(TASK DATA Opens)
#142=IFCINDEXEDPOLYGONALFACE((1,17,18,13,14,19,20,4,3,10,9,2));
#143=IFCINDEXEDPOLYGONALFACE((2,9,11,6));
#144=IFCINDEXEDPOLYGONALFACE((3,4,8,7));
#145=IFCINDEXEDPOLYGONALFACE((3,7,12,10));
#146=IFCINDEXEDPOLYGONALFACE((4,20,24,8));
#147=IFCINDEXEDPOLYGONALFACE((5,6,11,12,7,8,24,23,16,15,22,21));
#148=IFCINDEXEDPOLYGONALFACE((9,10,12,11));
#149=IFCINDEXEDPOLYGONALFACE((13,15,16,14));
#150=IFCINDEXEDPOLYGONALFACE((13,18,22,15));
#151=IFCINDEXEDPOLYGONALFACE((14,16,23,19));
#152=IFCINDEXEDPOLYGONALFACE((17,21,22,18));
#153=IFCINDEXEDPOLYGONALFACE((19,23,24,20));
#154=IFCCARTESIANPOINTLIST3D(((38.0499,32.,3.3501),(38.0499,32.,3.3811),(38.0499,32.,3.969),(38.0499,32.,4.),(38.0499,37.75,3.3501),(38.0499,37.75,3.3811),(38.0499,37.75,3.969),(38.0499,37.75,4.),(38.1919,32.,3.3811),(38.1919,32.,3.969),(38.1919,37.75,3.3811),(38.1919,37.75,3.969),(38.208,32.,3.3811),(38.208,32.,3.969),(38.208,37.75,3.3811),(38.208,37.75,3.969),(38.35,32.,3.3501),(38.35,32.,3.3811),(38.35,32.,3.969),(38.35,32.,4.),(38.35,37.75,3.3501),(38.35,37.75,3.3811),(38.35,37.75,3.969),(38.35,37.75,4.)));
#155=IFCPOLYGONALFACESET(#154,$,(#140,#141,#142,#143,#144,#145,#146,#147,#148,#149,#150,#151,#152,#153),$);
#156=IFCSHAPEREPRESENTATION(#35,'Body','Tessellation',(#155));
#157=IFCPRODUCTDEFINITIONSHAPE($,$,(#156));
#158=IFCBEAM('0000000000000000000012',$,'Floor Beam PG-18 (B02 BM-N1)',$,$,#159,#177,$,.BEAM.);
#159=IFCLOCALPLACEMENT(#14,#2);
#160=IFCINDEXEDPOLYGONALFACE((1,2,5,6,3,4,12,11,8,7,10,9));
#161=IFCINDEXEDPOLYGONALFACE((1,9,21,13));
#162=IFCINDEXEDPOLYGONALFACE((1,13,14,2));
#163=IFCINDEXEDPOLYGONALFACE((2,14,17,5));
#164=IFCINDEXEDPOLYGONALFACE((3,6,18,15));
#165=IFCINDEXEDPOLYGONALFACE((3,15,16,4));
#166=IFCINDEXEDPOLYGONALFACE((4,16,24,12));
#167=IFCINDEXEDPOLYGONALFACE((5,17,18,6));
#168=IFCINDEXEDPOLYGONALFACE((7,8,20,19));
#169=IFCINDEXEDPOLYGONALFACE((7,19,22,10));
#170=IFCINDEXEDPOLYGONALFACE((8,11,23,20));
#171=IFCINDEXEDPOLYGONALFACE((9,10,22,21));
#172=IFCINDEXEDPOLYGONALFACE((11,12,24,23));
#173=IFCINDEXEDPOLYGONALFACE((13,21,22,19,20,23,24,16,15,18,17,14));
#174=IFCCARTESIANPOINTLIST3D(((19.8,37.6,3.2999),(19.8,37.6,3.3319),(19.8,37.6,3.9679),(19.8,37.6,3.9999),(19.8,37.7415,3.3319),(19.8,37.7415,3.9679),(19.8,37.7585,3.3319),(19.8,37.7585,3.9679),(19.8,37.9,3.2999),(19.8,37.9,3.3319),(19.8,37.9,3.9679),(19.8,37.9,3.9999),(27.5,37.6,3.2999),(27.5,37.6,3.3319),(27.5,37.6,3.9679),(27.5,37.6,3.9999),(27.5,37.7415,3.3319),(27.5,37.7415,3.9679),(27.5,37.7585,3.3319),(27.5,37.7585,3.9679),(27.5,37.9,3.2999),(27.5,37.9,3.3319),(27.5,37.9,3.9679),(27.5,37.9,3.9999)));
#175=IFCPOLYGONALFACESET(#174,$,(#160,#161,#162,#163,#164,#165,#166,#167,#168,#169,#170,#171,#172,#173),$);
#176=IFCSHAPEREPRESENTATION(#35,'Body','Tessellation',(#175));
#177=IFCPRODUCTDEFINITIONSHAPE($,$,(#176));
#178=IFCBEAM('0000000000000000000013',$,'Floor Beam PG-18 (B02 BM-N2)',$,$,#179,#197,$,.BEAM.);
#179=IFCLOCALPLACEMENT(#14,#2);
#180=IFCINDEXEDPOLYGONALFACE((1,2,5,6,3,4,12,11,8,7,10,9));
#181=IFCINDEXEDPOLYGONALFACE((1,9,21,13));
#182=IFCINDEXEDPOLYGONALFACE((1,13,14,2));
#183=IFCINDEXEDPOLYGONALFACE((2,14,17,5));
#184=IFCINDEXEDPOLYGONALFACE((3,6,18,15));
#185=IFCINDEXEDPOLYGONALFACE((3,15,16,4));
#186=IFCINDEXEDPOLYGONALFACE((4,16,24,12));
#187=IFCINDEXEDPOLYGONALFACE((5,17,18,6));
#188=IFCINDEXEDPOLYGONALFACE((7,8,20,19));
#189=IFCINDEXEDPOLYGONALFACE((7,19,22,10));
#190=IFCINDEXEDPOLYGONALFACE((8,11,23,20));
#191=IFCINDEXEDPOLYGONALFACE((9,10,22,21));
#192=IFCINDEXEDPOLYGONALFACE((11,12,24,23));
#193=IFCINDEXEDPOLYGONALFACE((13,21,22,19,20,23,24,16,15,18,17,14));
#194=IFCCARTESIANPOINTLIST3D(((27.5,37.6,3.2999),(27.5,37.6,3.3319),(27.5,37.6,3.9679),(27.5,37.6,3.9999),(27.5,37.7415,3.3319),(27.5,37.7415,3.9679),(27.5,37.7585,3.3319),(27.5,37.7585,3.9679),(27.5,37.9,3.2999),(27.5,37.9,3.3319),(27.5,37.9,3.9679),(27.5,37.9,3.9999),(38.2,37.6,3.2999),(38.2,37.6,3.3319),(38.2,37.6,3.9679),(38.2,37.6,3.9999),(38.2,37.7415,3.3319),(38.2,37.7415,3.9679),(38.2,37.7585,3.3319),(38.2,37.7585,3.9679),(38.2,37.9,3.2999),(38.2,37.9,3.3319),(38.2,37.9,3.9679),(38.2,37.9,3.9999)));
(TASK DATA Closes)
#### YOUR TASK:
Using the records above, gather all lines where the string "IFCBEAM" is present.

#### SOLUTION FOR THIS TASK:
#158=IFCBEAM('0000000000000000000012',$,'Floor Beam PG-18 (B02 BM-N1)',$,$,#159,#177,$,.BEAM.);
#178=IFCBEAM('0000000000000000000013',$,'Floor Beam PG-18 (B02 BM-N2)',$,$,#179,#197,$,.BEAM.);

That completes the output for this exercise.